Requirement -> All of these records need to be duplicated exactly.

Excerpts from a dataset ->
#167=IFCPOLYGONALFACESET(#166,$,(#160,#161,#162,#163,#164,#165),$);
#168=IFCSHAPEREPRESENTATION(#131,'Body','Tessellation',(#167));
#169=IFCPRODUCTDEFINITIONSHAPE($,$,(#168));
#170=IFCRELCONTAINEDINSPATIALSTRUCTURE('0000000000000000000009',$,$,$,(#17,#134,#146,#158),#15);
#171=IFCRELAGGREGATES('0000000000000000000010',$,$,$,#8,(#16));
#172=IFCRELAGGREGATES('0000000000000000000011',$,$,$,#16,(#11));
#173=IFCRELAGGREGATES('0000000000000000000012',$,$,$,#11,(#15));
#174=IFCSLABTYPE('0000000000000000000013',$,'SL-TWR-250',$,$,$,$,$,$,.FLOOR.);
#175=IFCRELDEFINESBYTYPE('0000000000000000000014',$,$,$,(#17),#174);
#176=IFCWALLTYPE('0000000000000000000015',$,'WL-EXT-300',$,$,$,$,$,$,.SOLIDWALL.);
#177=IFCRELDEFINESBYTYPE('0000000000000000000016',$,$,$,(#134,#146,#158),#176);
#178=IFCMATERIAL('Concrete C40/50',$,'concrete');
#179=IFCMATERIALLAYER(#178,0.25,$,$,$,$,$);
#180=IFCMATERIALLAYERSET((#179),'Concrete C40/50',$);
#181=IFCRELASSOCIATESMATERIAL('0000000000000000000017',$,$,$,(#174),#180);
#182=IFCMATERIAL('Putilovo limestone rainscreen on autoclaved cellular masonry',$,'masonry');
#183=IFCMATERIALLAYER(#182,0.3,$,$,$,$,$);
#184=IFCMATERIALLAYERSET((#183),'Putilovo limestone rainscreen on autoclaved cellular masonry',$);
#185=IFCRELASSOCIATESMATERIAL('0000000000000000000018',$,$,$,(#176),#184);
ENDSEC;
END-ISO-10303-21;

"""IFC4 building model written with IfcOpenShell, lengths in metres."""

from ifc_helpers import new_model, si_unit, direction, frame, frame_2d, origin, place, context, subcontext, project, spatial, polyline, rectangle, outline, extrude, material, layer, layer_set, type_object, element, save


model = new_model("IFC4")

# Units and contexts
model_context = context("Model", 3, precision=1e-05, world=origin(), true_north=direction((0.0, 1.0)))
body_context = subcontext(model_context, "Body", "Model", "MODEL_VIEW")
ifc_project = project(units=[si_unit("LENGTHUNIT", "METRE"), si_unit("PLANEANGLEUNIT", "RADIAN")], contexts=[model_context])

Result of this task ->
#167=IFCPOLYGONALFACESET(#166,$,(#160,#161,#162,#163,#164,#165),$);
#168=IFCSHAPEREPRESENTATION(#131,'Body','Tessellation',(#167));
#169=IFCPRODUCTDEFINITIONSHAPE($,$,(#168));
#170=IFCRELCONTAINEDINSPATIALSTRUCTURE('0000000000000000000009',$,$,$,(#17,#134,#146,#158),#15);
#171=IFCRELAGGREGATES('0000000000000000000010',$,$,$,#8,(#16));
#172=IFCRELAGGREGATES('0000000000000000000011',$,$,$,#16,(#11));
#173=IFCRELAGGREGATES('0000000000000000000012',$,$,$,#11,(#15));
#174=IFCSLABTYPE('0000000000000000000013',$,'SL-TWR-250',$,$,$,$,$,$,.FLOOR.);
#175=IFCRELDEFINESBYTYPE('0000000000000000000014',$,$,$,(#17),#174);
#176=IFCWALLTYPE('0000000000000000000015',$,'WL-EXT-300',$,$,$,$,$,$,.SOLIDWALL.);
#177=IFCRELDEFINESBYTYPE('0000000000000000000016',$,$,$,(#134,#146,#158),#176);
#178=IFCMATERIAL('Concrete C40/50',$,'concrete');
#179=IFCMATERIALLAYER(#178,0.25,$,$,$,$,$);
#180=IFCMATERIALLAYERSET((#179),'Concrete C40/50',$);
#181=IFCRELASSOCIATESMATERIAL('0000000000000000000017',$,$,$,(#174),#180);
#182=IFCMATERIAL('Putilovo limestone rainscreen on autoclaved cellular masonry',$,'masonry');
#183=IFCMATERIALLAYER(#182,0.3,$,$,$,$,$);
#184=IFCMATERIALLAYERSET((#183),'Putilovo limestone rainscreen on autoclaved cellular masonry',$);
#185=IFCRELASSOCIATESMATERIAL('0000000000000000000018',$,$,$,(#176),#184);
ENDSEC;
END-ISO-10303-21;

"""IFC4 building model written with IfcOpenShell, lengths in metres."""

from ifc_helpers import new_model, si_unit, direction, frame, frame_2d, origin, place, context, subcontext, project, spatial, polyline, rectangle, outline, extrude, material, layer, layer_set, type_object, element, save


model = new_model("IFC4")

# Units and contexts
model_context = context("Model", 3, precision=1e-05, world=origin(), true_north=direction((0.0, 1.0)))
body_context = subcontext(model_context, "Body", "Model", "MODEL_VIEW")
ifc_project = project(units=[si_unit("LENGTHUNIT", "METRE"), si_unit("PLANEANGLEUNIT", "RADIAN")], contexts=[model_context])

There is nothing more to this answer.